+++ Dataset records
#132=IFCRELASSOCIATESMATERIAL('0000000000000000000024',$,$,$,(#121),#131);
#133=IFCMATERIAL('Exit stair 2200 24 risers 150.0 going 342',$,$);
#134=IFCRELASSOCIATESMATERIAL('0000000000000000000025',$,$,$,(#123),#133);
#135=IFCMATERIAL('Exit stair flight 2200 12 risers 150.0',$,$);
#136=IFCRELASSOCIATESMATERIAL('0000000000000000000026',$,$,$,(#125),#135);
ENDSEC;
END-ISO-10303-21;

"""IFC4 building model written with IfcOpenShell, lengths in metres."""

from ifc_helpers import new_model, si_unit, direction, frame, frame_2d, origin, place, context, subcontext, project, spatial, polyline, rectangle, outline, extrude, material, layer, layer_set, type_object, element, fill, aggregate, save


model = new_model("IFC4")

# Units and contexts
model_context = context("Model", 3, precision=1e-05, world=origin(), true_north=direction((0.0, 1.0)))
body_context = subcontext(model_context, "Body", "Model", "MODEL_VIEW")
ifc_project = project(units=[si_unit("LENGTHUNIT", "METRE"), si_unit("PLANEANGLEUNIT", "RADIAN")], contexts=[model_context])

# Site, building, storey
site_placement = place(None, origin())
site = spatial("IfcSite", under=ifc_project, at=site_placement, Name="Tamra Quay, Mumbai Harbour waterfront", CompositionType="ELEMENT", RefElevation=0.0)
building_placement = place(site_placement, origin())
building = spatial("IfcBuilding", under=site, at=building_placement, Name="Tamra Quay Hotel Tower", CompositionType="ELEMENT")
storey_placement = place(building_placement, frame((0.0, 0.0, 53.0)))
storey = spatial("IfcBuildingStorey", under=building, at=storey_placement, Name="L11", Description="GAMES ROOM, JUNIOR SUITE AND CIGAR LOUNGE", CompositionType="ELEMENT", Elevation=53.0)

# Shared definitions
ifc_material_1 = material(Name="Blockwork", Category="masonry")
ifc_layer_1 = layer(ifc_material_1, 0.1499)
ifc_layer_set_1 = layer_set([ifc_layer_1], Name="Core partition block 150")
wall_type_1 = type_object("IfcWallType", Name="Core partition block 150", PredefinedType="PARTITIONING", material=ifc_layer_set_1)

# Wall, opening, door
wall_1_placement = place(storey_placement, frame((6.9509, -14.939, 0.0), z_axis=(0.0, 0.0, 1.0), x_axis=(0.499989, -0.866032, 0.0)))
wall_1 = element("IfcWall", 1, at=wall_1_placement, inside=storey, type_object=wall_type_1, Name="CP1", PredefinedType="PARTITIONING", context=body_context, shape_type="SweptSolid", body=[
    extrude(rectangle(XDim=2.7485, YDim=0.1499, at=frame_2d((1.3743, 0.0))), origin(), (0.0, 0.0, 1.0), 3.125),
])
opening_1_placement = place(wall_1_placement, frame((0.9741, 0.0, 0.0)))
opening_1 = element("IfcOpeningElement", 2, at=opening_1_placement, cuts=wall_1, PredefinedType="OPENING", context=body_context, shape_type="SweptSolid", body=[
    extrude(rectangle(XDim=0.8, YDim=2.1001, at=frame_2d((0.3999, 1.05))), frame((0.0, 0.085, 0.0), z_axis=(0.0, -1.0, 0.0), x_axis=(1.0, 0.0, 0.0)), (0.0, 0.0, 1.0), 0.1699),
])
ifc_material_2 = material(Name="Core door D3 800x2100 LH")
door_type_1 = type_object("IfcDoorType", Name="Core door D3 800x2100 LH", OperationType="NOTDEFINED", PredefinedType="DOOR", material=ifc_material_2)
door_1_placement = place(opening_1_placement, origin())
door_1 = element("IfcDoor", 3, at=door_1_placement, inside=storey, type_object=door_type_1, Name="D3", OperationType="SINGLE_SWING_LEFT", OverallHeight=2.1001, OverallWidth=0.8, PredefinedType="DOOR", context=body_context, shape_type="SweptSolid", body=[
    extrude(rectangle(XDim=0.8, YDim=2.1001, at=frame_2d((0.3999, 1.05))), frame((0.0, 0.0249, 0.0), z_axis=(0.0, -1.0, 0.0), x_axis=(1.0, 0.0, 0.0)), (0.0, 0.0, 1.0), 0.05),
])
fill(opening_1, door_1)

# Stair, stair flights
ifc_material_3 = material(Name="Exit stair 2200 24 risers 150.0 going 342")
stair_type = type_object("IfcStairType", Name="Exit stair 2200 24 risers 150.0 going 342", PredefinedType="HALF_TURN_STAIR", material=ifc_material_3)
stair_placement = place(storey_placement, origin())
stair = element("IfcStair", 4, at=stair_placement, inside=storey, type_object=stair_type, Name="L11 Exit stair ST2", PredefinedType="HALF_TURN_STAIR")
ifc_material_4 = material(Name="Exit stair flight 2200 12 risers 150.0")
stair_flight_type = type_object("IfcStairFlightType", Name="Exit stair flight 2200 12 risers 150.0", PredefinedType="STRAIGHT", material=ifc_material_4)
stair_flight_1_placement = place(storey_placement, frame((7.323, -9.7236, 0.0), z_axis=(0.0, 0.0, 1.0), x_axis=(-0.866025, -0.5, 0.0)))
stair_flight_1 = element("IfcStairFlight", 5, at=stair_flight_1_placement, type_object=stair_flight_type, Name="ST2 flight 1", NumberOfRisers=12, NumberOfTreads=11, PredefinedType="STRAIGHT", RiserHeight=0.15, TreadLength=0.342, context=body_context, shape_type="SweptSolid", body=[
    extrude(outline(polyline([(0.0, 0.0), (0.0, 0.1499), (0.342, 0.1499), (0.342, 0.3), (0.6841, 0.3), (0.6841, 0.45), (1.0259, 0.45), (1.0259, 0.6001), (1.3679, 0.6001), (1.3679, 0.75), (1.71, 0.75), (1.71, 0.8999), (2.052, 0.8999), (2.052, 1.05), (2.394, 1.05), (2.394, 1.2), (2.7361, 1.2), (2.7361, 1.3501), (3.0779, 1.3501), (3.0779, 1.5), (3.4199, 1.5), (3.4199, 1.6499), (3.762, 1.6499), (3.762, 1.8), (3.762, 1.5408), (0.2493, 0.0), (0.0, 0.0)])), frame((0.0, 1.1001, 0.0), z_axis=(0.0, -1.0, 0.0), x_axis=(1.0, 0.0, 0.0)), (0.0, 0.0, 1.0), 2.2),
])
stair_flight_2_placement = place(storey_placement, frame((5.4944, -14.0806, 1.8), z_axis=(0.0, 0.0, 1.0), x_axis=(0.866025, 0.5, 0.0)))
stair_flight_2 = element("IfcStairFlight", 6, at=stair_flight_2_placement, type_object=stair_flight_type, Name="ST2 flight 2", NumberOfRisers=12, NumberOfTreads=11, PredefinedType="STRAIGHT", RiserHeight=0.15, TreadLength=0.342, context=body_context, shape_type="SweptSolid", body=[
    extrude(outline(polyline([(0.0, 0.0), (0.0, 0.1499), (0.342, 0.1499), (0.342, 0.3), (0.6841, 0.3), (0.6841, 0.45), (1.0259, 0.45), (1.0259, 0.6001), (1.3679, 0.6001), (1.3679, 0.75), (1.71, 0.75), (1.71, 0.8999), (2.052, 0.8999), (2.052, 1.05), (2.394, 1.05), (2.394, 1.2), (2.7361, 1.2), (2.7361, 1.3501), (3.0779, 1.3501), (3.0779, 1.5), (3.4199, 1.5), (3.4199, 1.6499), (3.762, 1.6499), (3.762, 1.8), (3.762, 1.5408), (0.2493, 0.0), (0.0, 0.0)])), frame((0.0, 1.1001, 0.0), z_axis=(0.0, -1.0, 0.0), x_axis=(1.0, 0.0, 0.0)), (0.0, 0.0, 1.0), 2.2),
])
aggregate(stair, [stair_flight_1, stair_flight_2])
++++++
_Work required_.
Each entry above must be repeated word for word.

_Worked solution_.
#132=IFCRELASSOCIATESMATERIAL('0000000000000000000024',$,$,$,(#121),#131);
#133=IFCMATERIAL('Exit stair 2200 24 risers 150.0 going 342',$,$);
#134=IFCRELASSOCIATESMATERIAL('0000000000000000000025',$,$,$,(#123),#133);
#135=IFCMATERIAL('Exit stair flight 2200 12 risers 150.0',$,$);
#136=IFCRELASSOCIATESMATERIAL('0000000000000000000026',$,$,$,(#125),#135);
ENDSEC;
END-ISO-10303-21;

"""IFC4 building model written with IfcOpenShell, lengths in metres."""

from ifc_helpers import new_model, si_unit, direction, frame, frame_2d, origin, place, context, subcontext, project, spatial, polyline, rectangle, outline, extrude, material, layer, layer_set, type_object, element, fill, aggregate, save


model = new_model("IFC4")

# Units and contexts
model_context = context("Model", 3, precision=1e-05, world=origin(), true_north=direction((0.0, 1.0)))
body_context = subcontext(model_context, "Body", "Model", "MODEL_VIEW")
ifc_project = project(units=[si_unit("LENGTHUNIT", "METRE"), si_unit("PLANEANGLEUNIT", "RADIAN")], contexts=[model_context])

# Site, building, storey
site_placement = place(None, origin())
site = spatial("IfcSite", under=ifc_project, at=site_placement, Name="Tamra Quay, Mumbai Harbour waterfront", CompositionType="ELEMENT", RefElevation=0.0)
building_placement = place(site_placement, origin())
building = spatial("IfcBuilding", under=site, at=building_placement, Name="Tamra Quay Hotel Tower", CompositionType="ELEMENT")
storey_placement = place(building_placement, frame((0.0, 0.0, 53.0)))
storey = spatial("IfcBuildingStorey", under=building, at=storey_placement, Name="L11", Description="GAMES ROOM, JUNIOR SUITE AND CIGAR LOUNGE", CompositionType="ELEMENT", Elevation=53.0)

# Shared definitions
ifc_material_1 = material(Name="Blockwork", Category="masonry")
ifc_layer_1 = layer(ifc_material_1, 0.1499)
ifc_layer_set_1 = layer_set([ifc_layer_1], Name="Core partition block 150")
wall_type_1 = type_object("IfcWallType", Name="Core partition block 150", PredefinedType="PARTITIONING", material=ifc_layer_set_1)

# Wall, opening, door
wall_1_placement = place(storey_placement, frame((6.9509, -14.939, 0.0), z_axis=(0.0, 0.0, 1.0), x_axis=(0.499989, -0.866032, 0.0)))
wall_1 = element("IfcWall", 1, at=wall_1_placement, inside=storey, type_object=wall_type_1, Name="CP1", PredefinedType="PARTITIONING", context=body_context, shape_type="SweptSolid", body=[
    extrude(rectangle(XDim=2.7485, YDim=0.1499, at=frame_2d((1.3743, 0.0))), origin(), (0.0, 0.0, 1.0), 3.125),
])
opening_1_placement = place(wall_1_placement, frame((0.9741, 0.0, 0.0)))
opening_1 = element("IfcOpeningElement", 2, at=opening_1_placement, cuts=wall_1, PredefinedType="OPENING", context=body_context, shape_type="SweptSolid", body=[
    extrude(rectangle(XDim=0.8, YDim=2.1001, at=frame_2d((0.3999, 1.05))), frame((0.0, 0.085, 0.0), z_axis=(0.0, -1.0, 0.0), x_axis=(1.0, 0.0, 0.0)), (0.0, 0.0, 1.0), 0.1699),
])
ifc_material_2 = material(Name="Core door D3 800x2100 LH")
door_type_1 = type_object("IfcDoorType", Name="Core door D3 800x2100 LH", OperationType="NOTDEFINED", PredefinedType="DOOR", material=ifc_material_2)
door_1_placement = place(opening_1_placement, origin())
door_1 = element("IfcDoor", 3, at=door_1_placement, inside=storey, type_object=door_type_1, Name="D3", OperationType="SINGLE_SWING_LEFT", OverallHeight=2.1001, OverallWidth=0.8, PredefinedType="DOOR", context=body_context, shape_type="SweptSolid", body=[
    extrude(rectangle(XDim=0.8, YDim=2.1001, at=frame_2d((0.3999, 1.05))), frame((0.0, 0.0249, 0.0), z_axis=(0.0, -1.0, 0.0), x_axis=(1.0, 0.0, 0.0)), (0.0, 0.0, 1.0), 0.05),
])
fill(opening_1, door_1)

# Stair, stair flights
ifc_material_3 = material(Name="Exit stair 2200 24 risers 150.0 going 342")
stair_type = type_object("IfcStairType", Name="Exit stair 2200 24 risers 150.0 going 342", PredefinedType="HALF_TURN_STAIR", material=ifc_material_3)
stair_placement = place(storey_placement, origin())
stair = element("IfcStair", 4, at=stair_placement, inside=storey, type_object=stair_type, Name="L11 Exit stair ST2", PredefinedType="HALF_TURN_STAIR")
ifc_material_4 = material(Name="Exit stair flight 2200 12 risers 150.0")
stair_flight_type = type_object("IfcStairFlightType", Name="Exit stair flight 2200 12 risers 150.0", PredefinedType="STRAIGHT", material=ifc_material_4)
stair_flight_1_placement = place(storey_placement, frame((7.323, -9.7236, 0.0), z_axis=(0.0, 0.0, 1.0), x_axis=(-0.866025, -0.5, 0.0)))
stair_flight_1 = element("IfcStairFlight", 5, at=stair_flight_1_placement, type_object=stair_flight_type, Name="ST2 flight 1", NumberOfRisers=12, NumberOfTreads=11, PredefinedType="STRAIGHT", RiserHeight=0.15, TreadLength=0.342, context=body_context, shape_type="SweptSolid", body=[
    extrude(outline(polyline([(0.0, 0.0), (0.0, 0.1499), (0.342, 0.1499), (0.342, 0.3), (0.6841, 0.3), (0.6841, 0.45), (1.0259, 0.45), (1.0259, 0.6001), (1.3679, 0.6001), (1.3679, 0.75), (1.71, 0.75), (1.71, 0.8999), (2.052, 0.8999), (2.052, 1.05), (2.394, 1.05), (2.394, 1.2), (2.7361, 1.2), (2.7361, 1.3501), (3.0779, 1.3501), (3.0779, 1.5), (3.4199, 1.5), (3.4199, 1.6499), (3.762, 1.6499), (3.762, 1.8), (3.762, 1.5408), (0.2493, 0.0), (0.0, 0.0)])), frame((0.0, 1.1001, 0.0), z_axis=(0.0, -1.0, 0.0), x_axis=(1.0, 0.0, 0.0)), (0.0, 0.0, 1.0), 2.2),
])
stair_flight_2_placement = place(storey_placement, frame((5.4944, -14.0806, 1.8), z_axis=(0.0, 0.0, 1.0), x_axis=(0.866025, 0.5, 0.0)))
stair_flight_2 = element("IfcStairFlight", 6, at=stair_flight_2_placement, type_object=stair_flight_type, Name="ST2 flight 2", NumberOfRisers=12, NumberOfTreads=11, PredefinedType="STRAIGHT", RiserHeight=0.15, TreadLength=0.342, context=body_context, shape_type="SweptSolid", body=[
    extrude(outline(polyline([(0.0, 0.0), (0.0, 0.1499), (0.342, 0.1499), (0.342, 0.3), (0.6841, 0.3), (0.6841, 0.45), (1.0259, 0.45), (1.0259, 0.6001), (1.3679, 0.6001), (1.3679, 0.75), (1.71, 0.75), (1.71, 0.8999), (2.052, 0.8999), (2.052, 1.05), (2.394, 1.05), (2.394, 1.2), (2.7361, 1.2), (2.7361, 1.3501), (3.0779, 1.3501), (3.0779, 1.5), (3.4199, 1.5), (3.4199, 1.6499), (3.762, 1.6499), (3.762, 1.8), (3.762, 1.5408), (0.2493, 0.0), (0.0, 0.0)])), frame((0.0, 1.1001, 0.0), z_axis=(0.0, -1.0, 0.0), x_axis=(1.0, 0.0, 0.0)), (0.0, 0.0, 1.0), 2.2),
])
aggregate(stair, [stair_flight_1, stair_flight_2])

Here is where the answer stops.